Wherever the word "IFCINDEXEDPOLYGONALFACEWITHVOIDS" appears in a line of the records, copy that line.
☆ ☆ ☆ ☆ ☆ ☆ ☆
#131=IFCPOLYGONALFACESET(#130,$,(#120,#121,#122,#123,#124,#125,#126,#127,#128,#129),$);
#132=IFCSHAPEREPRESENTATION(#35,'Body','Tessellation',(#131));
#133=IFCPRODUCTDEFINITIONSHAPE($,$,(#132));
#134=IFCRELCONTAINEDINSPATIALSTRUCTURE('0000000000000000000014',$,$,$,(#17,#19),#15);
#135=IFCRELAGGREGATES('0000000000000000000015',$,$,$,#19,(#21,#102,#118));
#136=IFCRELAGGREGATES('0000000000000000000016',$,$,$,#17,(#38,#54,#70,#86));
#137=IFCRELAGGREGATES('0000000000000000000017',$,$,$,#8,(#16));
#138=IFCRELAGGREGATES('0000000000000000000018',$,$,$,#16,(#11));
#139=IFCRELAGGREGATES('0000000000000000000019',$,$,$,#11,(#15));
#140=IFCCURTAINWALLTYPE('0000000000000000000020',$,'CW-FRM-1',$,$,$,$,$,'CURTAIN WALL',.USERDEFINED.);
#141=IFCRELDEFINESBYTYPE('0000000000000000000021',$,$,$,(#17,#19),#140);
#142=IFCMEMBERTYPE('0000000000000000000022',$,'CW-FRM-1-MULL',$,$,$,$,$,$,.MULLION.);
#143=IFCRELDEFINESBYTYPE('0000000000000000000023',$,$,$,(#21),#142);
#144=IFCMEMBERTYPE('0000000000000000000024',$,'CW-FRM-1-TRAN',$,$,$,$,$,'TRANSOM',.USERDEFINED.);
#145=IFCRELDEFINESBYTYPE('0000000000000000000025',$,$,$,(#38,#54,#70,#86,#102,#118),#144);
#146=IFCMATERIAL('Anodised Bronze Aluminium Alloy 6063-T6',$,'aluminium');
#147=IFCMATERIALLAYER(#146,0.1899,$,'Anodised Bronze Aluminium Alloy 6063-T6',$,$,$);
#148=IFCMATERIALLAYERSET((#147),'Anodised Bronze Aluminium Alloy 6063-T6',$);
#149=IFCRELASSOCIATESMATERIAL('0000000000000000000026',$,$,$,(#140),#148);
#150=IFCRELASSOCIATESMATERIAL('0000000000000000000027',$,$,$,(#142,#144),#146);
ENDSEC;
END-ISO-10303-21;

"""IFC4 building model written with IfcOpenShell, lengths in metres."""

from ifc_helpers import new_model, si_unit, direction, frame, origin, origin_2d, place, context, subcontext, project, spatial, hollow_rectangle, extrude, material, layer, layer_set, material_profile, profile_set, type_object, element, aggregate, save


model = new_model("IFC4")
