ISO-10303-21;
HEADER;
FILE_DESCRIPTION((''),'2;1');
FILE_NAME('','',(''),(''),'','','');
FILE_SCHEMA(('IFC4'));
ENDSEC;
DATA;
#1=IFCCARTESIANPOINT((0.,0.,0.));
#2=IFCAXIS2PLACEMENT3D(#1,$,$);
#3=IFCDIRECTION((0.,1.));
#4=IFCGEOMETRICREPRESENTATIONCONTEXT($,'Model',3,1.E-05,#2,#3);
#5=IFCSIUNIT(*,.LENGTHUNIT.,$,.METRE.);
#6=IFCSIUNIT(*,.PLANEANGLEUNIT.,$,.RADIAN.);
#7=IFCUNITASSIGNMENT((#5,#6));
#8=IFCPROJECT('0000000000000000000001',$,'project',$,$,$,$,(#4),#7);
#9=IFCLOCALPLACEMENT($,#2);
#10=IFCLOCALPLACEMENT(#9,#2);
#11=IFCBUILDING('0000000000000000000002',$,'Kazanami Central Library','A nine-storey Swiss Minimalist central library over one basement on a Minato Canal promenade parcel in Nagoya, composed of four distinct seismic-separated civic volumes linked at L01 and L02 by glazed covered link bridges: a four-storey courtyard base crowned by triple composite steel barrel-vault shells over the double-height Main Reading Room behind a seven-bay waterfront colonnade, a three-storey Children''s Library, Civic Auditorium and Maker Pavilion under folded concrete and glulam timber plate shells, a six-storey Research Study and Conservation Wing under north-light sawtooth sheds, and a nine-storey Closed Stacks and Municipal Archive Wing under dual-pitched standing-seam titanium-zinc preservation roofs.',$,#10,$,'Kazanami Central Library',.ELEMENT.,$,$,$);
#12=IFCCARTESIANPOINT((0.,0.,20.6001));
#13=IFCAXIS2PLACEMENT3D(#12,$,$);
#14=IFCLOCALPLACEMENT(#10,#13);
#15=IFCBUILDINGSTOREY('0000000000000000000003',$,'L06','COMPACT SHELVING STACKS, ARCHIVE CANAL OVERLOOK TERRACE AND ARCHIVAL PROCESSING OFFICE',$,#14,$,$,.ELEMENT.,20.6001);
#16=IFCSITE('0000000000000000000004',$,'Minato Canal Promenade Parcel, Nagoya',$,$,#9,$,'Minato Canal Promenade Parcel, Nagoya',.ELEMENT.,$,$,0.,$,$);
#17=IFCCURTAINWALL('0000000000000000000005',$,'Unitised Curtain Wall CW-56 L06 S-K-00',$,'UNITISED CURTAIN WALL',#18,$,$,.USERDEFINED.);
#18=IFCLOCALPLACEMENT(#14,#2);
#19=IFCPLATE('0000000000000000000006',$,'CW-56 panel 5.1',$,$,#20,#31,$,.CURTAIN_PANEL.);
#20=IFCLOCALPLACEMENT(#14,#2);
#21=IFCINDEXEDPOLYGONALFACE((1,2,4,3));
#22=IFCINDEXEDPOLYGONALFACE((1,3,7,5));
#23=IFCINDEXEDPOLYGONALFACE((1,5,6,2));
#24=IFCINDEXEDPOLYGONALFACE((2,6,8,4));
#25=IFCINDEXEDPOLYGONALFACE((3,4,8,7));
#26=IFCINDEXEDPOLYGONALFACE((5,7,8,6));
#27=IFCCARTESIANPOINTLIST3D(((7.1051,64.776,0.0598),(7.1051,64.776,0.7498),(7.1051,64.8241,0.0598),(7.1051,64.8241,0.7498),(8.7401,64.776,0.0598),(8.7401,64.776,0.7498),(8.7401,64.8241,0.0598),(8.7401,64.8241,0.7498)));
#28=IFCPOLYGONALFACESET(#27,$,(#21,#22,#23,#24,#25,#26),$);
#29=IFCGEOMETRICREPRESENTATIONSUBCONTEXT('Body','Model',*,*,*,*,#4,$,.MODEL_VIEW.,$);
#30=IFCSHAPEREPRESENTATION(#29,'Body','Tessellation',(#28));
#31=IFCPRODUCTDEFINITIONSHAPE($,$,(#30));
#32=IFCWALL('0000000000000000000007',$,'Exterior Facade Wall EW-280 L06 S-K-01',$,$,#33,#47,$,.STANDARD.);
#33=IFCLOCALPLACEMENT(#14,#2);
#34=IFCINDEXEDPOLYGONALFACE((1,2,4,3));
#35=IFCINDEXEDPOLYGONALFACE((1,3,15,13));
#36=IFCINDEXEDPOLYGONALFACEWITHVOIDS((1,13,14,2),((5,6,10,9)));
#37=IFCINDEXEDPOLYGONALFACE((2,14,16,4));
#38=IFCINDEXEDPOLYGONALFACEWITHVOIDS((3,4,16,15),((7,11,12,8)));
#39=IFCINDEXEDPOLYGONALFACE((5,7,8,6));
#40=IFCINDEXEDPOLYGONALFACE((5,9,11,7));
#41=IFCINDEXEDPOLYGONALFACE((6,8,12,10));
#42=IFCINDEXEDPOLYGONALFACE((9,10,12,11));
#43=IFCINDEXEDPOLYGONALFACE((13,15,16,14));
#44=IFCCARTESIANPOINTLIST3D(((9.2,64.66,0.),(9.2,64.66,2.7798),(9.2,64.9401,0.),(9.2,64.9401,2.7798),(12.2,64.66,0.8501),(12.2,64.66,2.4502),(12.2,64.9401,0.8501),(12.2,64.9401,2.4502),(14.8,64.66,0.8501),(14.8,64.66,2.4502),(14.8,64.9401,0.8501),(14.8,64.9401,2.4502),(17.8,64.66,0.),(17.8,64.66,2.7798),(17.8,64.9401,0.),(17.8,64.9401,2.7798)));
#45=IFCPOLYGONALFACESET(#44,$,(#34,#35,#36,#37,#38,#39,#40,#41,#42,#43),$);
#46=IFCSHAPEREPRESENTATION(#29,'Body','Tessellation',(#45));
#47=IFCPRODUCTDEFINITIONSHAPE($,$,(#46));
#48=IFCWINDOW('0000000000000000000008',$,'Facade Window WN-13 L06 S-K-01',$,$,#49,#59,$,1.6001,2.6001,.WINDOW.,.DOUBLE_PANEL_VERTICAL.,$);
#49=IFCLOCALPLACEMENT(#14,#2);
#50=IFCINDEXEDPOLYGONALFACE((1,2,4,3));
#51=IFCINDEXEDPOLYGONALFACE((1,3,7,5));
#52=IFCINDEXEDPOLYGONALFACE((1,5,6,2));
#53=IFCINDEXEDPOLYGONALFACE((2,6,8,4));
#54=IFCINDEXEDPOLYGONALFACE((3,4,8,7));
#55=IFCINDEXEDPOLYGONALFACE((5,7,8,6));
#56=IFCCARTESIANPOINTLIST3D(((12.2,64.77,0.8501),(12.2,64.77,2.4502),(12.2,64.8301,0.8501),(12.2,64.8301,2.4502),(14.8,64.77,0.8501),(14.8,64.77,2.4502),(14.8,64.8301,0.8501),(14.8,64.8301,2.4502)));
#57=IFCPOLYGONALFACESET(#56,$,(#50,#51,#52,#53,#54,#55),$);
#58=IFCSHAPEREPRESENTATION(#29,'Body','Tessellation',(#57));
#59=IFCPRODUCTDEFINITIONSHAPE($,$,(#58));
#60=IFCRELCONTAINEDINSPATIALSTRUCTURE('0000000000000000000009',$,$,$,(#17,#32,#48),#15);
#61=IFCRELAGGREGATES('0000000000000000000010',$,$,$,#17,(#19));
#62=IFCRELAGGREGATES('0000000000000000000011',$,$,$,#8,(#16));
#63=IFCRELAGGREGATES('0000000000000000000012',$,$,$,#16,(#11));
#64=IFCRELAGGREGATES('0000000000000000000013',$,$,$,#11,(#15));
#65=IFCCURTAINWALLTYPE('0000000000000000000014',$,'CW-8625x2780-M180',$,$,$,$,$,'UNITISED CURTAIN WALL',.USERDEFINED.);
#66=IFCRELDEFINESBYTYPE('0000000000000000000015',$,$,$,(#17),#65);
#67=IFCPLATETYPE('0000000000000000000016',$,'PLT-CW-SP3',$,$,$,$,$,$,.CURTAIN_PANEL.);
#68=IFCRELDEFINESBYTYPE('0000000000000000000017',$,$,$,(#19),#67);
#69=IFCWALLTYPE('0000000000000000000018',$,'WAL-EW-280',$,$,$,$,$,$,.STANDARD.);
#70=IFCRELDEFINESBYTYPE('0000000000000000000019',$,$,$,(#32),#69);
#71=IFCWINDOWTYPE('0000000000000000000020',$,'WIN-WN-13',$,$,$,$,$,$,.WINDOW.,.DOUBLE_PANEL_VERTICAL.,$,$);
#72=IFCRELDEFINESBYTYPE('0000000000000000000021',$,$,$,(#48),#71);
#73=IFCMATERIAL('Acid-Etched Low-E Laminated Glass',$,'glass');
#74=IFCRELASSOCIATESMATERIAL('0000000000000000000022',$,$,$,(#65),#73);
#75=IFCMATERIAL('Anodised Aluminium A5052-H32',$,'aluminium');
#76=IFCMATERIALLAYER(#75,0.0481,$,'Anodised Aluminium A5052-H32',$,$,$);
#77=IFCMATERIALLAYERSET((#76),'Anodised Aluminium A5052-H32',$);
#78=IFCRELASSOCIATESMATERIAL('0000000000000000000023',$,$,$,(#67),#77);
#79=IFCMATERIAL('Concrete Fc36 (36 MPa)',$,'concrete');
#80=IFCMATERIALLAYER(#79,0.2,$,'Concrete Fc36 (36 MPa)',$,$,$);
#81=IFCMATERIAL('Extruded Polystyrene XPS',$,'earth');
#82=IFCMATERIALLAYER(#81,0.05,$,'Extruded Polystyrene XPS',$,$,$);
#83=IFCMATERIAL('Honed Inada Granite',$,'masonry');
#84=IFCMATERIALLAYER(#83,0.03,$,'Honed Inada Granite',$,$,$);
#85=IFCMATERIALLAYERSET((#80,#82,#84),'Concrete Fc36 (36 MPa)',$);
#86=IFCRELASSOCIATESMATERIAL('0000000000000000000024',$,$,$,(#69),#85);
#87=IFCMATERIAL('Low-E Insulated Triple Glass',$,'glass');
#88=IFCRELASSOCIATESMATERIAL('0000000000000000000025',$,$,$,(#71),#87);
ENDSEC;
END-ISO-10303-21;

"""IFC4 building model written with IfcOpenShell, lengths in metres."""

from ifc_helpers import new_model, si_unit, direction, frame, frame_2d, origin, origin_2d, place, context, subcontext, project, spatial, rectangle, extrude, material, layer, layer_set, type_object, element, fill, aggregate, save


model = new_model("IFC4")

# Units and contexts
model_context = context("Model", 3, precision=1e-05, world=origin(), true_north=direction((0.0, 1.0)))
body_context = subcontext(model_context, "Body", "Model", "MODEL_VIEW")
ifc_project = project(units=[si_unit("LENGTHUNIT", "METRE"), si_unit("PLANEANGLEUNIT", "RADIAN")], contexts=[model_context])

# Site, building, storey
site_placement = place(None, origin())
site = spatial("IfcSite", under=ifc_project, at=site_placement, Name="Minato Canal Promenade Parcel, Nagoya", LongName="Minato Canal Promenade Parcel, Nagoya", CompositionType="ELEMENT", RefElevation=0.0)
building_placement = place(site_placement, origin())
building = spatial("IfcBuilding", under=site, at=building_placement, Name="Kazanami Central Library", Description="A nine-storey Swiss Minimalist central library over one basement on a Minato Canal promenade parcel in Nagoya, composed of four distinct seismic-separated civic volumes linked at L01 and L02 by glazed covered link bridges: a four-storey courtyard base crowned by triple composite steel barrel-vault shells over the double-height Main Reading Room behind a seven-bay waterfront colonnade, a three-storey Children's Library, Civic Auditorium and Maker Pavilion under folded concrete and glulam timber plate shells, a six-storey Research Study and Conservation Wing under north-light sawtooth sheds, and a nine-storey Closed Stacks and Municipal Archive Wing under dual-pitched standing-seam titanium-zinc preservation roofs.", LongName="Kazanami Central Library", CompositionType="ELEMENT")
storey_placement = place(building_placement, frame((0.0, 0.0, 20.6001)))
storey = spatial("IfcBuildingStorey", under=building, at=storey_placement, Name="L06", Description="COMPACT SHELVING STACKS, ARCHIVE CANAL OVERLOOK TERRACE AND ARCHIVAL PROCESSING OFFICE", CompositionType="ELEMENT", Elevation=20.6001)

# Curtain wall, plate
ifc_material_1 = material(Name="Acid-Etched Low-E Laminated Glass", Category="glass")
curtain_wall_type = type_object("IfcCurtainWallType", Name="CW-8625x2780-M180", ElementType="UNITISED CURTAIN WALL", PredefinedType="USERDEFINED", material=ifc_material_1)
curtain_wall_placement = place(storey_placement, origin())
curtain_wall = element("IfcCurtainWall", 1, at=curtain_wall_placement, inside=storey, type_object=curtain_wall_type, Name="Unitised Curtain Wall CW-56 L06 S-K-00", ObjectType="UNITISED CURTAIN WALL", PredefinedType="USERDEFINED")
ifc_material_2 = material(Name="Anodised Aluminium A5052-H32", Category="aluminium")
ifc_layer_1 = layer(ifc_material_2, 0.0481, Name="Anodised Aluminium A5052-H32")
ifc_layer_set_1 = layer_set([ifc_layer_1], Name="Anodised Aluminium A5052-H32")
plate_type_1 = type_object("IfcPlateType", Name="PLT-CW-SP3", PredefinedType="CURTAIN_PANEL", material=ifc_layer_set_1)
plate_1_placement = place(storey_placement, frame((7.9226, 64.8, 0.0598), z_axis=(0.0, 0.0, 1.0), x_axis=(1.0, 0.0, 0.0)))
plate_1 = element("IfcPlate", 2, at=plate_1_placement, type_object=plate_type_1, Name="CW-56 panel 5.1", PredefinedType="CURTAIN_PANEL", context=body_context, shape_type="SweptSolid", body=[
    extrude(rectangle(XDim=1.635, YDim=0.0481, at=origin_2d()), origin(), (0.0, 0.0, 1.0), 0.6899),
])
aggregate(curtain_wall, [plate_1])

# Wall, opening, window
ifc_material_3 = material(Name="Concrete Fc36 (36 MPa)", Category="concrete")
ifc_layer_2 = layer(ifc_material_3, 0.2, Name="Concrete Fc36 (36 MPa)")
ifc_material_4 = material(Name="Extruded Polystyrene XPS", Category="earth")
ifc_layer_3 = layer(ifc_material_4, 0.05, Name="Extruded Polystyrene XPS")
ifc_material_5 = material(Name="Honed Inada Granite", Category="masonry")
ifc_layer_4 = layer(ifc_material_5, 0.03, Name="Honed Inada Granite")
ifc_layer_set_2 = layer_set([ifc_layer_2, ifc_layer_3, ifc_layer_4], Name="Concrete Fc36 (36 MPa)")
wall_type = type_object("IfcWallType", Name="WAL-EW-280", PredefinedType="STANDARD", material=ifc_layer_set_2)
wall_placement = place(storey_placement, frame((9.2, 64.8, 0.0), z_axis=(0.0, 0.0, 1.0), x_axis=(1.0, 0.0, 0.0)))
wall = element("IfcWall", 3, at=wall_placement, inside=storey, type_object=wall_type, Name="Exterior Facade Wall EW-280 L06 S-K-01", PredefinedType="STANDARD", context=body_context, shape_type="SweptSolid", body=[
    extrude(rectangle(XDim=8.6001, YDim=0.28, at=frame_2d((4.3, 0.0))), origin(), (0.0, 0.0, 1.0), 2.7798),
])
opening_placement = place(wall_placement, frame((3.0, 0.0, 0.8501)))
opening = element("IfcOpeningElement", 4, at=opening_placement, cuts=wall, PredefinedType="OPENING", context=body_context, shape_type="SweptSolid", body=[
    extrude(rectangle(XDim=2.6001, YDim=1.6001, at=frame_2d((1.3, 0.8))), frame((0.0, 0.1519, 0.0), z_axis=(0.0, -1.0, 0.0), x_axis=(1.0, 0.0, 0.0)), (0.0, 0.0, 1.0), 0.304),
])
ifc_material_6 = material(Name="Low-E Insulated Triple Glass", Category="glass")
window_type = type_object("IfcWindowType", Name="WIN-WN-13", PartitioningType="DOUBLE_PANEL_VERTICAL", PredefinedType="WINDOW", material=ifc_material_6)
window_placement = place(opening_placement, origin())
window = element("IfcWindow", 5, at=window_placement, inside=storey, type_object=window_type, Name="Facade Window WN-13 L06 S-K-01", OverallHeight=1.6001, OverallWidth=2.6001, PartitioningType="DOUBLE_PANEL_VERTICAL", PredefinedType="WINDOW", context=body_context, shape_type="SweptSolid", body=[
    extrude(rectangle(XDim=2.6001, YDim=1.6001, at=frame_2d((1.3, 0.8))), frame((0.0, 0.03, 0.0), z_axis=(0.0, -1.0, 0.0), x_axis=(1.0, 0.0, 0.0)), (0.0, 0.0, 1.0), 0.0601),
])
fill(opening, window)

save(model, "model.ifc")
☆ ☆ ☆ ☆ ☆ ☆ ☆
## Response to this task
#36=IFCINDEXEDPOLYGONALFACEWITHVOIDS((1,13,14,2),((5,6,10,9)));
#38=IFCINDEXEDPOLYGONALFACEWITHVOIDS((3,4,16,15),((7,11,12,8)));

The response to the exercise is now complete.